» **PROBLEM**
Go through the material below and return each line with the string "SOLIDWALL" in it.

· · · · ·

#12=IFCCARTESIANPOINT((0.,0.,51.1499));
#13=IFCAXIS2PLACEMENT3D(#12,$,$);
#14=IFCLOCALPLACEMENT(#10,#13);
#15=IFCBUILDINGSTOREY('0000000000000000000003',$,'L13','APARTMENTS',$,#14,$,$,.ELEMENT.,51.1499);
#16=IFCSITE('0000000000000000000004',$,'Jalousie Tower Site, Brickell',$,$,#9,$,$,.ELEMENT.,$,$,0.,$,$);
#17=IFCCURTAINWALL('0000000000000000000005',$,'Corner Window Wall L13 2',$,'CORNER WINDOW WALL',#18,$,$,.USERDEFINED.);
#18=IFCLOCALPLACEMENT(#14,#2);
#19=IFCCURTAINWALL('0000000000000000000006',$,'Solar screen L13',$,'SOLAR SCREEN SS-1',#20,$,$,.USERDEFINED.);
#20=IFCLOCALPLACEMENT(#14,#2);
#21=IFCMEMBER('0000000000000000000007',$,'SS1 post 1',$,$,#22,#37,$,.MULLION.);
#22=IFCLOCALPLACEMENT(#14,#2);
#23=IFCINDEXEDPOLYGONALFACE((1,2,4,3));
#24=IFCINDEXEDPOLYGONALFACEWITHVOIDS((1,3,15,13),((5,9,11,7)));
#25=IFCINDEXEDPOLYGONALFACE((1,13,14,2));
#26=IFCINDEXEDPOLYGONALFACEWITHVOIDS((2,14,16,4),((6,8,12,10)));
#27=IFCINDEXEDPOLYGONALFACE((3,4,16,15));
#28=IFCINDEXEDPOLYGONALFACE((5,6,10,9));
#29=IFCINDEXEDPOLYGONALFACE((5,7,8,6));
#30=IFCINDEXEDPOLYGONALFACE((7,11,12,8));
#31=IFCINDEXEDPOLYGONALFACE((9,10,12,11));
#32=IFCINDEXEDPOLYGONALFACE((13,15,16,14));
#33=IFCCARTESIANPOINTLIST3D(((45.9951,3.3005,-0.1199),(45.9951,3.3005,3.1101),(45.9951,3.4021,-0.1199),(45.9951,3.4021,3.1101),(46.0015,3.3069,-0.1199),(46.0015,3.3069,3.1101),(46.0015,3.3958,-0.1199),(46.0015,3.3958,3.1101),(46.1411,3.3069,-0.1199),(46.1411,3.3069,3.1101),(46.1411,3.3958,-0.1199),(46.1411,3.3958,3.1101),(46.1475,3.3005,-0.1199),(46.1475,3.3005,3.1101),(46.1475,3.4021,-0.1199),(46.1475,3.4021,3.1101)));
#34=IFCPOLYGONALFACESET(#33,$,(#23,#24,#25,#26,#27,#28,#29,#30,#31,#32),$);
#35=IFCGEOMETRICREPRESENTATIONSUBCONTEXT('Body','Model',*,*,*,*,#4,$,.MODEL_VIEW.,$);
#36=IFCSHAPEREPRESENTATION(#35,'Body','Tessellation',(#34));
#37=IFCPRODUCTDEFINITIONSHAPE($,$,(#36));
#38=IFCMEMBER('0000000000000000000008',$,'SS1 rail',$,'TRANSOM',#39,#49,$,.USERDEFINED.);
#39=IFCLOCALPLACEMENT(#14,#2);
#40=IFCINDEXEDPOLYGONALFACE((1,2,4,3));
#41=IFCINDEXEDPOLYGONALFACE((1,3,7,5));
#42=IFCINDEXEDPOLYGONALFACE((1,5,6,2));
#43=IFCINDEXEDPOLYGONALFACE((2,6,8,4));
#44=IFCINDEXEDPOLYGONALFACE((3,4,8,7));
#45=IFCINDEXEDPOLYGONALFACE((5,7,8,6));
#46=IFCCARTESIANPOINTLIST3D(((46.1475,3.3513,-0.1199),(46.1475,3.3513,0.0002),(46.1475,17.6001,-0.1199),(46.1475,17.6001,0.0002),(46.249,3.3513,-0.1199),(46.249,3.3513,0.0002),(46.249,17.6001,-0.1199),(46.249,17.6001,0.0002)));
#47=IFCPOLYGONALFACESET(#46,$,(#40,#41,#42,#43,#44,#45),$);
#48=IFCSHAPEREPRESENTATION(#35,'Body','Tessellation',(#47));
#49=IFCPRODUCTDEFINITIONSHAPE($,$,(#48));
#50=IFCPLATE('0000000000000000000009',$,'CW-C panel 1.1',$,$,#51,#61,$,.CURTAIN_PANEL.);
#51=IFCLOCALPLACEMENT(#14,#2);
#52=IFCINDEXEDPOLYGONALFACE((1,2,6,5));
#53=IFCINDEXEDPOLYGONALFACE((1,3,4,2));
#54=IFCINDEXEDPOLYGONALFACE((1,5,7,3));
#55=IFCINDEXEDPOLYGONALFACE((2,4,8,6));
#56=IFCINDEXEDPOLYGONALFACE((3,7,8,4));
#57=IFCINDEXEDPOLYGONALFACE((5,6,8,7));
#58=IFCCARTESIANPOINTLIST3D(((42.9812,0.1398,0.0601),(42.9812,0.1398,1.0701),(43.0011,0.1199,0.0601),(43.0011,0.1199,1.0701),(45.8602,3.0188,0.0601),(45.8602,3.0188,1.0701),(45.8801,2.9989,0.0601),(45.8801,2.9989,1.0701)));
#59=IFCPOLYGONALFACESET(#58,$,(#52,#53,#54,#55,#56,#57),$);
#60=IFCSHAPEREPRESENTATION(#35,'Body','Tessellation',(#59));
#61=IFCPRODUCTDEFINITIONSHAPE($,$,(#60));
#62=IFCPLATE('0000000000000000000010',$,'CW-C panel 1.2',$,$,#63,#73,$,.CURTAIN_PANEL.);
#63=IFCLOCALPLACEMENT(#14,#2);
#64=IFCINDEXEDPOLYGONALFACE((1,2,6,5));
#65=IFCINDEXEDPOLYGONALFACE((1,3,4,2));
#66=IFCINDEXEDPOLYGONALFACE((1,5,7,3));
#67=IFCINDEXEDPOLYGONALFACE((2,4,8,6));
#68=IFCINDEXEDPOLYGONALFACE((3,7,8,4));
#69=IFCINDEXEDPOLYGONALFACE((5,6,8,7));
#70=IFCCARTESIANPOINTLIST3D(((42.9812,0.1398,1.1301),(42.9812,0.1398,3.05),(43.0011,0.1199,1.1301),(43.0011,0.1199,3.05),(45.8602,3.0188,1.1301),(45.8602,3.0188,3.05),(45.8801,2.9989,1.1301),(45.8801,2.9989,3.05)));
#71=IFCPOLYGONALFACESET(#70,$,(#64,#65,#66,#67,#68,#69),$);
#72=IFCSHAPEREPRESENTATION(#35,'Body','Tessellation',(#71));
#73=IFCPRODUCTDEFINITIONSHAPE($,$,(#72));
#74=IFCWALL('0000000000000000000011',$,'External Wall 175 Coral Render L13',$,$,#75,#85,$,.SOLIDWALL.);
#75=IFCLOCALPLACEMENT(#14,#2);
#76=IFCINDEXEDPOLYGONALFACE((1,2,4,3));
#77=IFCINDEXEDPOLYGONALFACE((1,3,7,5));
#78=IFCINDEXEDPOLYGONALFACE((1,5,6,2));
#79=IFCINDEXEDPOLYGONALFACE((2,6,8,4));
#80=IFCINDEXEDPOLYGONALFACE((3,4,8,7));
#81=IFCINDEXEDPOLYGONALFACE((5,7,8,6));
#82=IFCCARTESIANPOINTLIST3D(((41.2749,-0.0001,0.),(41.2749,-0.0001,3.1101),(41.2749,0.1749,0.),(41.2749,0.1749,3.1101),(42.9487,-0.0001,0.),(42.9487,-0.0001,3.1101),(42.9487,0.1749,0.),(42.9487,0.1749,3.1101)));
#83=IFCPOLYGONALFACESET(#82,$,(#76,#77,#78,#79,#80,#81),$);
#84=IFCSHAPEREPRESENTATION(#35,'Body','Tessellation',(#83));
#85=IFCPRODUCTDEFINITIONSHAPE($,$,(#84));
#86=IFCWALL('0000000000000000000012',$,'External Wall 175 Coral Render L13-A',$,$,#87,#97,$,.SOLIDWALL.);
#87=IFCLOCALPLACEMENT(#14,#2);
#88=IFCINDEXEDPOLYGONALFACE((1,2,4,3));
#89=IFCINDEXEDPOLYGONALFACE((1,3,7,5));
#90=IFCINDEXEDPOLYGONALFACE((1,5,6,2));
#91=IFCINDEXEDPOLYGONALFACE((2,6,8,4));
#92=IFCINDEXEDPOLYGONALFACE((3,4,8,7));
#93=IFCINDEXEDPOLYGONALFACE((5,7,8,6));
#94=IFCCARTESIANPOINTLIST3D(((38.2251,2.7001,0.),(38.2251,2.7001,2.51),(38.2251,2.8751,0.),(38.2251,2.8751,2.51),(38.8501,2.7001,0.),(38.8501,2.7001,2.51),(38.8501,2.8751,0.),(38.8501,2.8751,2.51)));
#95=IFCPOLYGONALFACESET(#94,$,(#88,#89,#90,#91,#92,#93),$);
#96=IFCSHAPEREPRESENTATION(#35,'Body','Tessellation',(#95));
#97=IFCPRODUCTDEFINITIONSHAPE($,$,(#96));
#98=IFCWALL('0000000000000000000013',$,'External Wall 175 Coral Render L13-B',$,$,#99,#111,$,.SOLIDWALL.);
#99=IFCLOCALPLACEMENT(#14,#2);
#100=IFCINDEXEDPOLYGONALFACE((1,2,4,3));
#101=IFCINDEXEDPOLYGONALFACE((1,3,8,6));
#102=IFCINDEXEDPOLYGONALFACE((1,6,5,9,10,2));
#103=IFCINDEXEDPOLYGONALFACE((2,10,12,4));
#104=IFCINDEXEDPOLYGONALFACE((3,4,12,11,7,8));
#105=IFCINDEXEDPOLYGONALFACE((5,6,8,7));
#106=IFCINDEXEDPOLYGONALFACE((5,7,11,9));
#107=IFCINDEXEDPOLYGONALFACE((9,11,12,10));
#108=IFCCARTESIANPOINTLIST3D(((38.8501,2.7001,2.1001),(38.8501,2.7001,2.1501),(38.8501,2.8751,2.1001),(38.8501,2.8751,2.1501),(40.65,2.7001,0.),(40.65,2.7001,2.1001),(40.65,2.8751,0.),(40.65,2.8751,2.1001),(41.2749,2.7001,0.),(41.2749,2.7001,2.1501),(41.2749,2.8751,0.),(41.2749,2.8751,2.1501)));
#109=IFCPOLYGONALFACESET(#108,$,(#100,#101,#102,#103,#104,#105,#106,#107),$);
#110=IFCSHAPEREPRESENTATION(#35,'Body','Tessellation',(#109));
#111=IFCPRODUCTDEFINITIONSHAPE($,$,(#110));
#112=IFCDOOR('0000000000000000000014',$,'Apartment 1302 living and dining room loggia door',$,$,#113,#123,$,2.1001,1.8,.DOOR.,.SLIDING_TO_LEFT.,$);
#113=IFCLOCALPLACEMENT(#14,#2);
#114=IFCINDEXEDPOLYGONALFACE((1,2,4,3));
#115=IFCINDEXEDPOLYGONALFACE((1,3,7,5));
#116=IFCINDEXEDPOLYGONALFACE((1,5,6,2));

· · · · ·

» **ANSWER BOX**
#74=IFCWALL('0000000000000000000011',$,'External Wall 175 Coral Render L13',$,$,#75,#85,$,.SOLIDWALL.);
#86=IFCWALL('0000000000000000000012',$,'External Wall 175 Coral Render L13-A',$,$,#87,#97,$,.SOLIDWALL.);
#98=IFCWALL('0000000000000000000013',$,'External Wall 175 Coral Render L13-B',$,$,#99,#111,$,.SOLIDWALL.);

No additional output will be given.